<<<<

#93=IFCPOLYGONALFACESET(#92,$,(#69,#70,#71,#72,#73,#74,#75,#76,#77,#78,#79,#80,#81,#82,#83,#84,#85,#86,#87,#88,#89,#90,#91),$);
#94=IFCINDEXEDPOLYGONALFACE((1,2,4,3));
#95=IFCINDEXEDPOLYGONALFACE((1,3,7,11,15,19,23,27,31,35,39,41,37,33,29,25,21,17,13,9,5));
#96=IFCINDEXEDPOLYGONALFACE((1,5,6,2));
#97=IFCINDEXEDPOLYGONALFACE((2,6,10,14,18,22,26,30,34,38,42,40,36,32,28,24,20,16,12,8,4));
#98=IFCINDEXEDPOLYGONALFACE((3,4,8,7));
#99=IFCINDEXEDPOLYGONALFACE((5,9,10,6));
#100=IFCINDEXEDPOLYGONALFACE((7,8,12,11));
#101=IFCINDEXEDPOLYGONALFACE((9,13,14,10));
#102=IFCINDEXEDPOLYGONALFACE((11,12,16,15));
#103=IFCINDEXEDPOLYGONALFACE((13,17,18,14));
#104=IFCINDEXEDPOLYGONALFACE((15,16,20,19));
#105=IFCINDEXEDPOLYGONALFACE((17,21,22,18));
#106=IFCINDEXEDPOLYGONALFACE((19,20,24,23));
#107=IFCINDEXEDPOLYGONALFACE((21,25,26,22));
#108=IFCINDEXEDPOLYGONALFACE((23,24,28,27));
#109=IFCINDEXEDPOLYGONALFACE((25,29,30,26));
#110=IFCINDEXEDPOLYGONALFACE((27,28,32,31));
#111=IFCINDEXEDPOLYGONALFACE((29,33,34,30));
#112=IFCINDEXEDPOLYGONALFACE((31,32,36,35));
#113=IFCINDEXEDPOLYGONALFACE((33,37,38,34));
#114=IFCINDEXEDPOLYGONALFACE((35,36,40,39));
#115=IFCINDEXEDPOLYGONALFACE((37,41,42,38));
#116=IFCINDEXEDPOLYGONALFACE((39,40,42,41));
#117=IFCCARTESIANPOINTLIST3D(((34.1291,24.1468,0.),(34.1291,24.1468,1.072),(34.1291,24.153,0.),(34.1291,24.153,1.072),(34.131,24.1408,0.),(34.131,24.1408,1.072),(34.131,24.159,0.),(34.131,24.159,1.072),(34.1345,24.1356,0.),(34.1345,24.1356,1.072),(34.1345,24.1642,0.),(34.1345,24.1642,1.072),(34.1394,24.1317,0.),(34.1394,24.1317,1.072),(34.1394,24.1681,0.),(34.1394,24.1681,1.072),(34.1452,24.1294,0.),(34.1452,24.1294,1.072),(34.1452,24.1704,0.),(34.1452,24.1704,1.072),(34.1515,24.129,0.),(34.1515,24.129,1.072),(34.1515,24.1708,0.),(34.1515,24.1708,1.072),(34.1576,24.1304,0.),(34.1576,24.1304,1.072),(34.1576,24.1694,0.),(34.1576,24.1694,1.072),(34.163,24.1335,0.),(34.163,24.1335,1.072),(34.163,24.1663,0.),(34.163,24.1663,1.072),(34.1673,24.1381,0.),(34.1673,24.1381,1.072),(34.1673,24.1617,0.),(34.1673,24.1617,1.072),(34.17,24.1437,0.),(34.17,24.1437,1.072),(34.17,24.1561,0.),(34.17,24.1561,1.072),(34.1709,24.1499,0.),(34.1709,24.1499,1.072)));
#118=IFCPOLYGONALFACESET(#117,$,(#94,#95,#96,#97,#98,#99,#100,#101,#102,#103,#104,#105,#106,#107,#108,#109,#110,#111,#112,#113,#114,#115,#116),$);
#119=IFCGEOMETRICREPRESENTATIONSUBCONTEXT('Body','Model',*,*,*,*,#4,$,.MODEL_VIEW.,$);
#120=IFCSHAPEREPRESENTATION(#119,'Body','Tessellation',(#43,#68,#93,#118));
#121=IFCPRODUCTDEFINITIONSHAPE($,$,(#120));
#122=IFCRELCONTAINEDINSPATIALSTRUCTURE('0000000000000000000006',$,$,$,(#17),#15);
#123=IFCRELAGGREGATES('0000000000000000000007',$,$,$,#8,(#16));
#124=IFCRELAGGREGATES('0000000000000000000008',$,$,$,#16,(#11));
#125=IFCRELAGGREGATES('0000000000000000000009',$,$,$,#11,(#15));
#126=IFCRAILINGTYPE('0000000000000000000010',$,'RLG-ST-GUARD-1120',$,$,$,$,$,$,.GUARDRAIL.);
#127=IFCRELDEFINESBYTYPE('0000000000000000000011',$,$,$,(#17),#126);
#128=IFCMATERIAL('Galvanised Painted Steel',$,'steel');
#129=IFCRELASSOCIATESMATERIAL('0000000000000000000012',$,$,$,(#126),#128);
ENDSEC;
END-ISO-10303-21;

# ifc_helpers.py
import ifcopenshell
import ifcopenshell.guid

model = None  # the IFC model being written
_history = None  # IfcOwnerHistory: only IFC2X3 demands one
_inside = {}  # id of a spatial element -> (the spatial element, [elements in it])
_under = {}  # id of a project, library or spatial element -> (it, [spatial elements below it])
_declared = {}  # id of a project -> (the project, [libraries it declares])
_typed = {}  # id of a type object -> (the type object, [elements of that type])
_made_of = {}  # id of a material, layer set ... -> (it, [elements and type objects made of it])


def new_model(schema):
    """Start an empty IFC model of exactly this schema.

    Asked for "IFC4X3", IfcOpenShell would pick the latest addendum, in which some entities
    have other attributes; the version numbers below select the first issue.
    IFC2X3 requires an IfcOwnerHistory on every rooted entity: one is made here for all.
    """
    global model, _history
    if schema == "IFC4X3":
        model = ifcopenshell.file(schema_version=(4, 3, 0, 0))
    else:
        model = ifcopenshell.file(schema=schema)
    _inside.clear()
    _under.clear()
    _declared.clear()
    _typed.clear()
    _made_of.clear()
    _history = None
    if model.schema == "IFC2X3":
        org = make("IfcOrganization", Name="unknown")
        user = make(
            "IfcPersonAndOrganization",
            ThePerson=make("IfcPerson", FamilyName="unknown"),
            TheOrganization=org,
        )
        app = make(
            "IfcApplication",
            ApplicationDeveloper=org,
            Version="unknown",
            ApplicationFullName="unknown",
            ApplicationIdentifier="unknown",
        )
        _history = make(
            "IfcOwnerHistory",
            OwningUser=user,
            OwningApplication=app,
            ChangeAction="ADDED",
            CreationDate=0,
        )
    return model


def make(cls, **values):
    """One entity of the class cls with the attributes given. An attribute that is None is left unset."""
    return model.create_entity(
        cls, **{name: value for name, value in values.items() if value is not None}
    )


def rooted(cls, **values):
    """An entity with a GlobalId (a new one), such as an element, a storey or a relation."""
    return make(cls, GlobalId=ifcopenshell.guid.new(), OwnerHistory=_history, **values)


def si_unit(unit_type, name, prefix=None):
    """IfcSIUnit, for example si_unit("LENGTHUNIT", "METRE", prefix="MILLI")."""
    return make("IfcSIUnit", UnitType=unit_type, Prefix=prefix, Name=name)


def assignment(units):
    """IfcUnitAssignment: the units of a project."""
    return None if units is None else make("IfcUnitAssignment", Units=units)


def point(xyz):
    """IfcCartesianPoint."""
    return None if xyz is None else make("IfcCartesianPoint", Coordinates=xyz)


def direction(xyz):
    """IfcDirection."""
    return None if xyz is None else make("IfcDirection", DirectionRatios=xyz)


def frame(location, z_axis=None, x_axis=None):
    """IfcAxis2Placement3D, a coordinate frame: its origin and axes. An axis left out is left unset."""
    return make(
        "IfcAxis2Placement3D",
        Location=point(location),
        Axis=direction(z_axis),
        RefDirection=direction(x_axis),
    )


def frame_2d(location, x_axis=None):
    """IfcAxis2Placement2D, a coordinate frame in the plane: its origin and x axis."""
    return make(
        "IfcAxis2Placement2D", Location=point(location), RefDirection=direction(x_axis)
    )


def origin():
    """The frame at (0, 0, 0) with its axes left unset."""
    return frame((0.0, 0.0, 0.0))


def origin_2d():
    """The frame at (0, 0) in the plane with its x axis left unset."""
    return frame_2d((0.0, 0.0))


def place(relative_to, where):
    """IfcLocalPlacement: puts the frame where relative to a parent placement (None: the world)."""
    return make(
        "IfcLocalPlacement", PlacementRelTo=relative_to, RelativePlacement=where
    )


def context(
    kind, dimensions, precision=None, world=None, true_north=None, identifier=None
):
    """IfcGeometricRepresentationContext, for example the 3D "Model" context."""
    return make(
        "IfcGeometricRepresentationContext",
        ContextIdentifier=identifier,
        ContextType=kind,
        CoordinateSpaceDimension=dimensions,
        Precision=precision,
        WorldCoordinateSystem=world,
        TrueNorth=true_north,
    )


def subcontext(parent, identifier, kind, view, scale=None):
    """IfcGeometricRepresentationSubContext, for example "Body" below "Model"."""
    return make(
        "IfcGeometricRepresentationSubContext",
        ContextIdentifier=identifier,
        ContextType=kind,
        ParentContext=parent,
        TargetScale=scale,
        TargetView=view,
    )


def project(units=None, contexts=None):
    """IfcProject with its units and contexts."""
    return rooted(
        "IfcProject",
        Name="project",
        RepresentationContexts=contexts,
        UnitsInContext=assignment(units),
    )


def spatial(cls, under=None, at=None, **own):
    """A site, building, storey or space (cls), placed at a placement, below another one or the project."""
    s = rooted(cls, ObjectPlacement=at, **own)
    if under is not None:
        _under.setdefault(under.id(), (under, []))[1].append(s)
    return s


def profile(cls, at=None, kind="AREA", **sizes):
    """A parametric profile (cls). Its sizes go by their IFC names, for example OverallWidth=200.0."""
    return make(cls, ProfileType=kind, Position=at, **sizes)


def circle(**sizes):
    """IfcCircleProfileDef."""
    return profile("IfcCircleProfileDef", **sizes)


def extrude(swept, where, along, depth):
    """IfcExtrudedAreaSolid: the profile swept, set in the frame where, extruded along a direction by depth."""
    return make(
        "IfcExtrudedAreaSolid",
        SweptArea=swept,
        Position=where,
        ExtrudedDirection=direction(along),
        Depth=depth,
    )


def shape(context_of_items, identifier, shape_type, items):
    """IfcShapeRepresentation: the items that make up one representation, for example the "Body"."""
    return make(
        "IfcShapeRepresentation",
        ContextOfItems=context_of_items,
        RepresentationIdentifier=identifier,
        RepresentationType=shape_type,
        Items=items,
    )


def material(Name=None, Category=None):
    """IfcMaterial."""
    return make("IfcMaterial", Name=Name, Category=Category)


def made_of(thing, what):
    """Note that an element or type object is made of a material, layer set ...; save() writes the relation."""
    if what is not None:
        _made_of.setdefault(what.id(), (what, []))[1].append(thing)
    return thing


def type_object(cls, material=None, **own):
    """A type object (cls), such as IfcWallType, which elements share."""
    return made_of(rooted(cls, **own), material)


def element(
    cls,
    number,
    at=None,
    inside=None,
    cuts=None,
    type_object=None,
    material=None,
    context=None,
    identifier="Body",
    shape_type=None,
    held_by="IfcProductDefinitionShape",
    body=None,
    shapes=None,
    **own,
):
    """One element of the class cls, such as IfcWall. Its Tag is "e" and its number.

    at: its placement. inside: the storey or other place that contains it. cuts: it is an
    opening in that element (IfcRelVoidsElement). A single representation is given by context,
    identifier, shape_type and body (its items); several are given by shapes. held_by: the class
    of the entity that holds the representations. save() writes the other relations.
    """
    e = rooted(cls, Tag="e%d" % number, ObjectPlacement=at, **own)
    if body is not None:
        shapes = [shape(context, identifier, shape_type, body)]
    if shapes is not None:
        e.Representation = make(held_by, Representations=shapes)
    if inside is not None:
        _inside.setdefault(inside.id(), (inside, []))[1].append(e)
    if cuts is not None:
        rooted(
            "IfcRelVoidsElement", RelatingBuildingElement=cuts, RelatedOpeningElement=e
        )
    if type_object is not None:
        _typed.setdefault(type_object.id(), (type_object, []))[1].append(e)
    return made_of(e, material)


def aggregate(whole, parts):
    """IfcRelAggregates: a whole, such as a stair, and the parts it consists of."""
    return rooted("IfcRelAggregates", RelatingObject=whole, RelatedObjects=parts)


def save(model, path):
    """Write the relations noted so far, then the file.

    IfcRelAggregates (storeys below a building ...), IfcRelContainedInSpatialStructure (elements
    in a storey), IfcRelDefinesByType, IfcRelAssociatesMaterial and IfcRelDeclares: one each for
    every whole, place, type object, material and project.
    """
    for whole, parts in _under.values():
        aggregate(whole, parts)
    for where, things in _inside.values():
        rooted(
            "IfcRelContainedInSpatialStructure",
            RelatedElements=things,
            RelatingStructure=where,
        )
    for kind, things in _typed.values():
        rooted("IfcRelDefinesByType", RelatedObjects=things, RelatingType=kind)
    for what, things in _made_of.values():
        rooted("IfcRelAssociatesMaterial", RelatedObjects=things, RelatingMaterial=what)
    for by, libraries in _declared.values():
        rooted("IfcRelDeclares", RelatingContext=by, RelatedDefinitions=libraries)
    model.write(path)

>>>>
<<<<

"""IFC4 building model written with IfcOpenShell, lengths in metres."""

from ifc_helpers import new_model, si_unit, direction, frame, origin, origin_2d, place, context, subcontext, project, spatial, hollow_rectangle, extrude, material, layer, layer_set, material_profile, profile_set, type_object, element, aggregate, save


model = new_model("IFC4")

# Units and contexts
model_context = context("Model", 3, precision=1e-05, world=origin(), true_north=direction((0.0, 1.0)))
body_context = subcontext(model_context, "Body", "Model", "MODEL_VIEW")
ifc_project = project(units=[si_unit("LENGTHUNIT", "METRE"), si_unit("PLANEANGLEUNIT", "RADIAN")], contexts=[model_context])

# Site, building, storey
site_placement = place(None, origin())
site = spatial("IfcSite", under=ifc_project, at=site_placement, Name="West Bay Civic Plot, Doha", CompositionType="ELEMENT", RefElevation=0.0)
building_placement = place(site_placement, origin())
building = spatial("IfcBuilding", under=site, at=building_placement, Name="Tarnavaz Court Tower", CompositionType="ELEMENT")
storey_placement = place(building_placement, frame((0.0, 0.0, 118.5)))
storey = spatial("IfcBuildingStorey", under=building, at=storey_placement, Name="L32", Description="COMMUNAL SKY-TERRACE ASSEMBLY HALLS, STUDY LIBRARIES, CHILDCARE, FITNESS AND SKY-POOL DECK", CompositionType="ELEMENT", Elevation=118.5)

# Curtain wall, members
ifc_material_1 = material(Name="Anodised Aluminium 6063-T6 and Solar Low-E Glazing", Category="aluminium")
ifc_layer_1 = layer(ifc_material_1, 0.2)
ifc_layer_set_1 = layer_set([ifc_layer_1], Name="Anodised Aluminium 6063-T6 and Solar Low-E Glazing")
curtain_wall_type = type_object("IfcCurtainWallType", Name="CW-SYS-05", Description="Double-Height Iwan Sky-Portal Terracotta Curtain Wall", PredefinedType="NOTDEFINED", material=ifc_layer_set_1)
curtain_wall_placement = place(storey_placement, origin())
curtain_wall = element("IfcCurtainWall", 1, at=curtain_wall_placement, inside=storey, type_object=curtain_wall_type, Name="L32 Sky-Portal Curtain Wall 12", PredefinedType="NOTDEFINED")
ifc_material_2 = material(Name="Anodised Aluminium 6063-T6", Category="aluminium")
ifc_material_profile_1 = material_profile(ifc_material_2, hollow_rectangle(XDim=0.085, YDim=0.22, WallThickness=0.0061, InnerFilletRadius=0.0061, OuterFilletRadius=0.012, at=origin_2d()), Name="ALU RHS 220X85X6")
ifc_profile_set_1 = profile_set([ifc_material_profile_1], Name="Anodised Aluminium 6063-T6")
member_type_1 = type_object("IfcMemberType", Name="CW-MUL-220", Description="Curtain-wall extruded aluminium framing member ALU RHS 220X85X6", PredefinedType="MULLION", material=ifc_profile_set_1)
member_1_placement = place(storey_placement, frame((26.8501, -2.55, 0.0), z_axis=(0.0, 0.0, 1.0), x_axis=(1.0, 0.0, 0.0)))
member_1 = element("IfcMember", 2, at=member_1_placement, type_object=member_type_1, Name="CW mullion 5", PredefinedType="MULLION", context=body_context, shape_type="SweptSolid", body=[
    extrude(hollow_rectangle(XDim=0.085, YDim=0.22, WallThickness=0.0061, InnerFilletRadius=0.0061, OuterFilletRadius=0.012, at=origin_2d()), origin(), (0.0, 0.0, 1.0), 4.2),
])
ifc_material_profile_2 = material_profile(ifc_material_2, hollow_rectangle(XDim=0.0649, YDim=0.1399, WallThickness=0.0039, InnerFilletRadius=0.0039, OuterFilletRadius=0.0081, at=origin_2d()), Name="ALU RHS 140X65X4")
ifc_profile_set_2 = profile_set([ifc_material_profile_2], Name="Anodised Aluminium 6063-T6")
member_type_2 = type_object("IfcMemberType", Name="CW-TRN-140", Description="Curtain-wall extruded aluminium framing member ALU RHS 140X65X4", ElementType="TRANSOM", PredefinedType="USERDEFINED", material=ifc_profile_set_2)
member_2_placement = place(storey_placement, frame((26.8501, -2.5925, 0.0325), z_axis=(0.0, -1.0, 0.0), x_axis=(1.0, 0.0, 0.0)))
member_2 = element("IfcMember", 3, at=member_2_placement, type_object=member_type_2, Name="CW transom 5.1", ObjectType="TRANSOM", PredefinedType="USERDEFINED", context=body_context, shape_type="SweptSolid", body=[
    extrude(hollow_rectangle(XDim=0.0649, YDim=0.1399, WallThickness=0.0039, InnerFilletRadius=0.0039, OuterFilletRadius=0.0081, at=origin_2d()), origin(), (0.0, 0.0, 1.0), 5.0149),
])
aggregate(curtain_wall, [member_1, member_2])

>>>>

From the listing, copy every line where the string "ObjectPlacement" appears.

    s = rooted(cls, ObjectPlacement=at, **own)
    e = rooted(cls, Tag="e%d" % number, ObjectPlacement=at, **own)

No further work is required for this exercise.